### ACTION ITEM
Each line below from the one containing "#32=IFCINDEXEDPOLYGONALFACE((1,3,6,5));" through the one containing "#44=IFCINDEXEDPOLYGONALFACE((1,5,6,2));" is to be given again exactly, and no line outside that span.

### Stored items from a collection
#####
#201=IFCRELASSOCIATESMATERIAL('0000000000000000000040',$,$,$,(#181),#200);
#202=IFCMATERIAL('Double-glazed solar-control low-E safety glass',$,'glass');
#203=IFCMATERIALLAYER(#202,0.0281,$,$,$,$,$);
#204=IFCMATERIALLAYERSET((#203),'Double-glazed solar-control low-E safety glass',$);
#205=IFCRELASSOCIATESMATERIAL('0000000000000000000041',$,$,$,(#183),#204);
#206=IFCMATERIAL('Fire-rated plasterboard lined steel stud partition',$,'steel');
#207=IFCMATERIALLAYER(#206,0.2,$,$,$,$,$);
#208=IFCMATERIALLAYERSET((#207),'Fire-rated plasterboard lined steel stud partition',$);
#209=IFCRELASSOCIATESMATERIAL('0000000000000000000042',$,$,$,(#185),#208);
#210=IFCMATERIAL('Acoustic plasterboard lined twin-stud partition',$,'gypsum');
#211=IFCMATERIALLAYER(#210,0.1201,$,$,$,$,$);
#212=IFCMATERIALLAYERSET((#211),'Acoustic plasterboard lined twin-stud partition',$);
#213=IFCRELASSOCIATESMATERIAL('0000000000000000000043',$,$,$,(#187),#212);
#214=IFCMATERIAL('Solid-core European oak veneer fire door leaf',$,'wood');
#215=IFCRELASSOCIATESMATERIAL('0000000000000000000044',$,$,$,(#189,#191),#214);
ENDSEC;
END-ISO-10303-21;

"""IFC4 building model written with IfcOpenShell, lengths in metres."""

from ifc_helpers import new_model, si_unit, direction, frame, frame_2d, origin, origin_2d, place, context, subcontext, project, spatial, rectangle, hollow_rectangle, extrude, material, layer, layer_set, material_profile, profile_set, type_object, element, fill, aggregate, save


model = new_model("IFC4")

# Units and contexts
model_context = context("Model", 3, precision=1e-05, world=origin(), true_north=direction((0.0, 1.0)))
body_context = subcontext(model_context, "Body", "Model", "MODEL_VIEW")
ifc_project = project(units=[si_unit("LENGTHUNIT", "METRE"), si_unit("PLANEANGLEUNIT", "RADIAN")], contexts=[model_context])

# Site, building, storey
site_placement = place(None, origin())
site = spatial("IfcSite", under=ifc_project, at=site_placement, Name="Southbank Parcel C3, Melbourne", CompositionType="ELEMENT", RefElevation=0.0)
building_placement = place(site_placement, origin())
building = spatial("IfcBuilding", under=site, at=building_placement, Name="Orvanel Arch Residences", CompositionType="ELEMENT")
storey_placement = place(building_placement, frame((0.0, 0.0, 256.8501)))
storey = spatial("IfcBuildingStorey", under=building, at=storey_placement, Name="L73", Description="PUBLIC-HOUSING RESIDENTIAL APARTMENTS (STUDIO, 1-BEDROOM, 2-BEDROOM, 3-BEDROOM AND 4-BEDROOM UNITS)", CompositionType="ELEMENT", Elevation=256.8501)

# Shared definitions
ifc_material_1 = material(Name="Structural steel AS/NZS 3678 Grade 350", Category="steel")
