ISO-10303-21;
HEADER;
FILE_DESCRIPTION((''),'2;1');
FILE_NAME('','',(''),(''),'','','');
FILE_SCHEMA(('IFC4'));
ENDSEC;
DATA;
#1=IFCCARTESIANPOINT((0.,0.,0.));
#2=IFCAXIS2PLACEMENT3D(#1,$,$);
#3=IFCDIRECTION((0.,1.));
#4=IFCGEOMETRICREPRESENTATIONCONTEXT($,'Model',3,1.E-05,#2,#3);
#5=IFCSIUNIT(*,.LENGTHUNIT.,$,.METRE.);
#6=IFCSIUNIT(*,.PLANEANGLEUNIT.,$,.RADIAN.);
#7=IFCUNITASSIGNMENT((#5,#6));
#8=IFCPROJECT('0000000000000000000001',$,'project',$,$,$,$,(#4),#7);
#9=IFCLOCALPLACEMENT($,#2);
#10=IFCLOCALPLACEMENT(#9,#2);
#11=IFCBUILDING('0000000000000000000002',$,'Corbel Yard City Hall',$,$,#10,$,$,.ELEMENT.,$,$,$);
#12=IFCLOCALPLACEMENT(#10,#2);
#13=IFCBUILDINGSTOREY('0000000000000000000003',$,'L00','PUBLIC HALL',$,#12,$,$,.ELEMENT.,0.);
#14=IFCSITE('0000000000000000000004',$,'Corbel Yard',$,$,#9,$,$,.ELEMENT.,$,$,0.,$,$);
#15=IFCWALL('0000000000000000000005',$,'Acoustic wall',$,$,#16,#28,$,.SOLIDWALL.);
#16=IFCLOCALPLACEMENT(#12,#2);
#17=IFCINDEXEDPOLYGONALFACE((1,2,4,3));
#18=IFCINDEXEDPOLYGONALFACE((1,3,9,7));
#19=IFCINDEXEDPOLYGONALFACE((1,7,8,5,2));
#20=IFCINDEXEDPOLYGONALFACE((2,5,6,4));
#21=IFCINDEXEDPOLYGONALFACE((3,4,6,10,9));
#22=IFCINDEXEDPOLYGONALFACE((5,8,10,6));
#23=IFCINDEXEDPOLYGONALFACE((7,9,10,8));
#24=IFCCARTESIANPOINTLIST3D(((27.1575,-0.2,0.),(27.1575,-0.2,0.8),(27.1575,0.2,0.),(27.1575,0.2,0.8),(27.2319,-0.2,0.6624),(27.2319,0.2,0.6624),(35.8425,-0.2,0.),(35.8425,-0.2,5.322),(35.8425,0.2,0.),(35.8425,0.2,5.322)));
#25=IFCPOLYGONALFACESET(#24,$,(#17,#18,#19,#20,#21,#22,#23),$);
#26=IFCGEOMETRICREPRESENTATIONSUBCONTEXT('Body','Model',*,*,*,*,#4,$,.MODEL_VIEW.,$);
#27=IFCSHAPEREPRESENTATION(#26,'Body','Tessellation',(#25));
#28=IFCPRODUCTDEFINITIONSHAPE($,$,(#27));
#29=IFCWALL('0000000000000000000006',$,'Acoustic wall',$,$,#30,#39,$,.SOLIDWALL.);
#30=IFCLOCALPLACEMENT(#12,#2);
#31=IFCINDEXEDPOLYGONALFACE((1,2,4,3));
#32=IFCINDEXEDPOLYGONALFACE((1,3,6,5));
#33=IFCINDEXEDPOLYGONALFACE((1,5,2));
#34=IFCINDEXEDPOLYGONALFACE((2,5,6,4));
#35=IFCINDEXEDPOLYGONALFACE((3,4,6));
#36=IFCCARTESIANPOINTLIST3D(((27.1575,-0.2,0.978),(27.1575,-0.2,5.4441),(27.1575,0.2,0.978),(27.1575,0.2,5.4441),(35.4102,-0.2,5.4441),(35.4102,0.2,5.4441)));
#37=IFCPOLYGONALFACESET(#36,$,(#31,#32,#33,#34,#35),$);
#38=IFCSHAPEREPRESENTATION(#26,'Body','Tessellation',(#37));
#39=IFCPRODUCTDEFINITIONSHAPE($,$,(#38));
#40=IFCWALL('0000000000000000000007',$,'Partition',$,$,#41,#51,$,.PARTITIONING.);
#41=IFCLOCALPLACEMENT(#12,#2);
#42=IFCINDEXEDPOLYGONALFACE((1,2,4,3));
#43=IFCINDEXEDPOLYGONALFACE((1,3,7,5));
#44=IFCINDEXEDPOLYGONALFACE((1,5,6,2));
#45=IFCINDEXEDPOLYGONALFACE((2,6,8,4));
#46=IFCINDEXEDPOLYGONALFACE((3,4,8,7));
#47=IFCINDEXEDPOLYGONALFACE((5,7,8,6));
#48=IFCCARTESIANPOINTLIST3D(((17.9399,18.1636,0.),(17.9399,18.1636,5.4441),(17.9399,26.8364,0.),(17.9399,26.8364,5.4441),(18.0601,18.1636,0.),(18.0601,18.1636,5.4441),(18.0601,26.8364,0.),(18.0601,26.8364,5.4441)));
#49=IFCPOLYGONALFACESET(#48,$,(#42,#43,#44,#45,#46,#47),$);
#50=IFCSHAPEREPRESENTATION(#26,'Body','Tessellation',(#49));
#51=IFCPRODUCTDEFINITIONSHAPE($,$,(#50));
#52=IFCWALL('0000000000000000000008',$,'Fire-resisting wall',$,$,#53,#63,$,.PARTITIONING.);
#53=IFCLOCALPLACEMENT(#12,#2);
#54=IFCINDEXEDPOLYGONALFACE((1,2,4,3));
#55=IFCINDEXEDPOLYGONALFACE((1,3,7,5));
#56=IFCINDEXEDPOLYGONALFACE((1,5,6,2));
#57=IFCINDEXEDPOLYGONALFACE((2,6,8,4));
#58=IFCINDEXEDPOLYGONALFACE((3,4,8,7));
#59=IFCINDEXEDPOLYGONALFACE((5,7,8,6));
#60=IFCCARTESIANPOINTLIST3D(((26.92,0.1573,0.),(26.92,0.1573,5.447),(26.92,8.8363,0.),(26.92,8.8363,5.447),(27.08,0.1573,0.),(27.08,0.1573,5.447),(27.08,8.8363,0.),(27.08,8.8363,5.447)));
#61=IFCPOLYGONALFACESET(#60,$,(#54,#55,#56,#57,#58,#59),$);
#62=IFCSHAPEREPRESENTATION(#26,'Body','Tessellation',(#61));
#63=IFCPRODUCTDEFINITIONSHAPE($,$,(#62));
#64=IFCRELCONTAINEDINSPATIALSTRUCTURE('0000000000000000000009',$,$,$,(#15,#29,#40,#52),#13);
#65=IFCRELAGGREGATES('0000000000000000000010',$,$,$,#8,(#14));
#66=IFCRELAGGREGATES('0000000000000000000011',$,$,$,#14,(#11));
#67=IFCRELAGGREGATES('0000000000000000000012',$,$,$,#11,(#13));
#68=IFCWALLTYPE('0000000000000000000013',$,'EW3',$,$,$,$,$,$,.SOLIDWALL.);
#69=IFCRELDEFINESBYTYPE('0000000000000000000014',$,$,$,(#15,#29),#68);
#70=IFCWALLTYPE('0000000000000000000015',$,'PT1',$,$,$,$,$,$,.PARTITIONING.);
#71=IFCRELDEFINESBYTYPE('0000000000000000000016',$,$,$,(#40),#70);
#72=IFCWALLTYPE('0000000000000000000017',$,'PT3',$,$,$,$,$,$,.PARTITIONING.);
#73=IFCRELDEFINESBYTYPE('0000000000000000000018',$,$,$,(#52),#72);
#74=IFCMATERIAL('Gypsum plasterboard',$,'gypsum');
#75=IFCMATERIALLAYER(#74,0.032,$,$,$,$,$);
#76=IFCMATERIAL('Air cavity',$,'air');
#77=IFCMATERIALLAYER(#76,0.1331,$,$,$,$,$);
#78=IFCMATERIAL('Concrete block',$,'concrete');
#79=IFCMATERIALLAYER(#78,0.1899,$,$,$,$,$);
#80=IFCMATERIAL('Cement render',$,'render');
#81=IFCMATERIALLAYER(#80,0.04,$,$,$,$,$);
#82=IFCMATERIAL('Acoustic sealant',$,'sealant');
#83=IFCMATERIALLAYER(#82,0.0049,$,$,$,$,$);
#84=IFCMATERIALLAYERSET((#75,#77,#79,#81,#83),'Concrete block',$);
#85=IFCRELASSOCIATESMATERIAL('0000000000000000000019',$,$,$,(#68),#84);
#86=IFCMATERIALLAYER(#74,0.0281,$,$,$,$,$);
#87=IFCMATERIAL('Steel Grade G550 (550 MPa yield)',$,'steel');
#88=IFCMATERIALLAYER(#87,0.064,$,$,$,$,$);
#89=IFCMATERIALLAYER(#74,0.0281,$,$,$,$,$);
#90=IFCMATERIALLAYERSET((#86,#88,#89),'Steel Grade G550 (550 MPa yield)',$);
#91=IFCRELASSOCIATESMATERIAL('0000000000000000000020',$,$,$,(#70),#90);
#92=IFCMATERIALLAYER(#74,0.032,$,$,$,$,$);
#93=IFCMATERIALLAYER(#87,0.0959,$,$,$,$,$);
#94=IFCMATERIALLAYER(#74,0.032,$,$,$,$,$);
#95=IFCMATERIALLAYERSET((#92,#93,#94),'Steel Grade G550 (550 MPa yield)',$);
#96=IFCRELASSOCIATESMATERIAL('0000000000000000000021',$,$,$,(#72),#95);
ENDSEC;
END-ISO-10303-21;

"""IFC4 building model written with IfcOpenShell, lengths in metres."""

from ifc_helpers import new_model, si_unit, direction, frame, frame_2d, origin, place, context, subcontext, project, spatial, polyline, rectangle, outline, extrude, material, layer, layer_set, type_object, element, save


model = new_model("IFC4")

# Units and contexts
model_context = context("Model", 3, precision=1e-05, world=origin(), true_north=direction((0.0, 1.0)))
body_context = subcontext(model_context, "Body", "Model", "MODEL_VIEW")
ifc_project = project(units=[si_unit("LENGTHUNIT", "METRE"), si_unit("PLANEANGLEUNIT", "RADIAN")], contexts=[model_context])

# Site, building, storey
site_placement = place(None, origin())
site = spatial("IfcSite", under=ifc_project, at=site_placement, Name="Corbel Yard", CompositionType="ELEMENT", RefElevation=0.0)
building_placement = place(site_placement, origin())
building = spatial("IfcBuilding", under=site, at=building_placement, Name="Corbel Yard City Hall", CompositionType="ELEMENT")
storey_placement = place(building_placement, origin())
storey = spatial("IfcBuildingStorey", under=building, at=storey_placement, Name="L00", Description="PUBLIC HALL", CompositionType="ELEMENT", Elevation=0.0)

# Walls
ifc_material_1 = material(Name="Gypsum plasterboard", Category="gypsum")
ifc_layer_1 = layer(ifc_material_1, 0.032)
ifc_material_2 = material(Name="Air cavity", Category="air")
ifc_layer_2 = layer(ifc_material_2, 0.1331)
ifc_material_3 = material(Name="Concrete block", Category="concrete")
ifc_layer_3 = layer(ifc_material_3, 0.1899)
ifc_material_4 = material(Name="Cement render", Category="render")
ifc_layer_4 = layer(ifc_material_4, 0.04)
ifc_material_5 = material(Name="Acoustic sealant", Category="sealant")
ifc_layer_5 = layer(ifc_material_5, 0.0049)
ifc_layer_set_1 = layer_set([ifc_layer_1, ifc_layer_2, ifc_layer_3, ifc_layer_4, ifc_layer_5], Name="Concrete block")
wall_type_1 = type_object("IfcWallType", Name="EW3", PredefinedType="SOLIDWALL", material=ifc_layer_set_1)
wall_1_placement = place(storey_placement, frame((27.1575, 0.0, 0.0), z_axis=(0.0, 0.0, 1.0), x_axis=(1.0, 0.0, 0.0)))
element("IfcWall", 1, at=wall_1_placement, inside=storey, type_object=wall_type_1, Name="Acoustic wall", PredefinedType="SOLIDWALL", context=body_context, shape_type="SweptSolid", body=[
    extrude(outline(polyline([(8.6851, 0.0), (0.0, 0.0), (0.0, 0.8), (0.0745, 0.6624), (8.6851, 5.322), (8.6851, 0.0)])), frame((0.0, 0.2, 0.0), z_axis=(0.0, -1.0, 0.0), x_axis=(1.0, 0.0, 0.0)), (0.0, 0.0, 1.0), 0.3999),
])
wall_2_placement = place(storey_placement, frame((27.1575, 0.0, 0.0), z_axis=(0.0, 0.0, 1.0), x_axis=(1.0, 0.0, 0.0)))
element("IfcWall", 2, at=wall_2_placement, inside=storey, type_object=wall_type_1, Name="Acoustic wall", PredefinedType="SOLIDWALL", context=body_context, shape_type="SweptSolid", body=[
    extrude(outline(polyline([(0.0, 5.4441), (8.2527, 5.4441), (0.0, 0.978), (0.0, 5.4441)])), frame((0.0, 0.2, 0.0), z_axis=(0.0, -1.0, 0.0), x_axis=(1.0, 0.0, 0.0)), (0.0, 0.0, 1.0), 0.3999),
])
ifc_layer_6 = layer(ifc_material_1, 0.0281)
ifc_material_6 = material(Name="Steel Grade G550 (550 MPa yield)", Category="steel")
ifc_layer_7 = layer(ifc_material_6, 0.064)
ifc_layer_8 = layer(ifc_material_1, 0.0281)
ifc_layer_set_2 = layer_set([ifc_layer_6, ifc_layer_7, ifc_layer_8], Name="Steel Grade G550 (550 MPa yield)")
wall_type_2 = type_object("IfcWallType", Name="PT1", PredefinedType="PARTITIONING", material=ifc_layer_set_2)
wall_3_placement = place(storey_placement, frame((18.0, 18.1636, 0.0), z_axis=(0.0, 0.0, 1.0), x_axis=(0.0, 1.0, 0.0)))
element("IfcWall", 3, at=wall_3_placement, inside=storey, type_object=wall_type_2, Name="Partition", PredefinedType="PARTITIONING", context=body_context, shape_type="SweptSolid", body=[
    extrude(rectangle(XDim=8.6729, YDim=0.1201, at=frame_2d((4.3364, 0.0))), origin(), (0.0, 0.0, 1.0), 5.4441),
])
ifc_layer_9 = layer(ifc_material_1, 0.032)
ifc_layer_10 = layer(ifc_material_6, 0.0959)
ifc_layer_11 = layer(ifc_material_1, 0.032)
ifc_layer_set_3 = layer_set([ifc_layer_9, ifc_layer_10, ifc_layer_11], Name="Steel Grade G550 (550 MPa yield)")
wall_type_3 = type_object("IfcWallType", Name="PT3", PredefinedType="PARTITIONING", material=ifc_layer_set_3)
wall_4_placement = place(storey_placement, frame((27.0, 0.1575, 0.0), z_axis=(0.0, 0.0, 1.0), x_axis=(0.0, 1.0, 0.0)))
element("IfcWall", 4, at=wall_4_placement, inside=storey, type_object=wall_type_3, Name="Fire-resisting wall", PredefinedType="PARTITIONING", context=body_context, shape_type="SweptSolid", body=[
    extrude(rectangle(XDim=8.679, YDim=0.1599, at=frame_2d((4.3394, 0.0))), origin(), (0.0, 0.0, 1.0), 5.447),
])

save(model, "model.ifc")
#####
### RESULT BELOW
#32=IFCINDEXEDPOLYGONALFACE((1,3,6,5));
#33=IFCINDEXEDPOLYGONALFACE((1,5,2));
#34=IFCINDEXEDPOLYGONALFACE((2,5,6,4));
#35=IFCINDEXEDPOLYGONALFACE((3,4,6));
#36=IFCCARTESIANPOINTLIST3D(((27.1575,-0.2,0.978),(27.1575,-0.2,5.4441),(27.1575,0.2,0.978),(27.1575,0.2,5.4441),(35.4102,-0.2,5.4441),(35.4102,0.2,5.4441)));
#37=IFCPOLYGONALFACESET(#36,$,(#31,#32,#33,#34,#35),$);
#38=IFCSHAPEREPRESENTATION(#26,'Body','Tessellation',(#37));
#39=IFCPRODUCTDEFINITIONSHAPE($,$,(#38));
#40=IFCWALL('0000000000000000000007',$,'Partition',$,$,#41,#51,$,.PARTITIONING.);
#41=IFCLOCALPLACEMENT(#12,#2);
#42=IFCINDEXEDPOLYGONALFACE((1,2,4,3));
#43=IFCINDEXEDPOLYGONALFACE((1,3,7,5));
#44=IFCINDEXEDPOLYGONALFACE((1,5,6,2));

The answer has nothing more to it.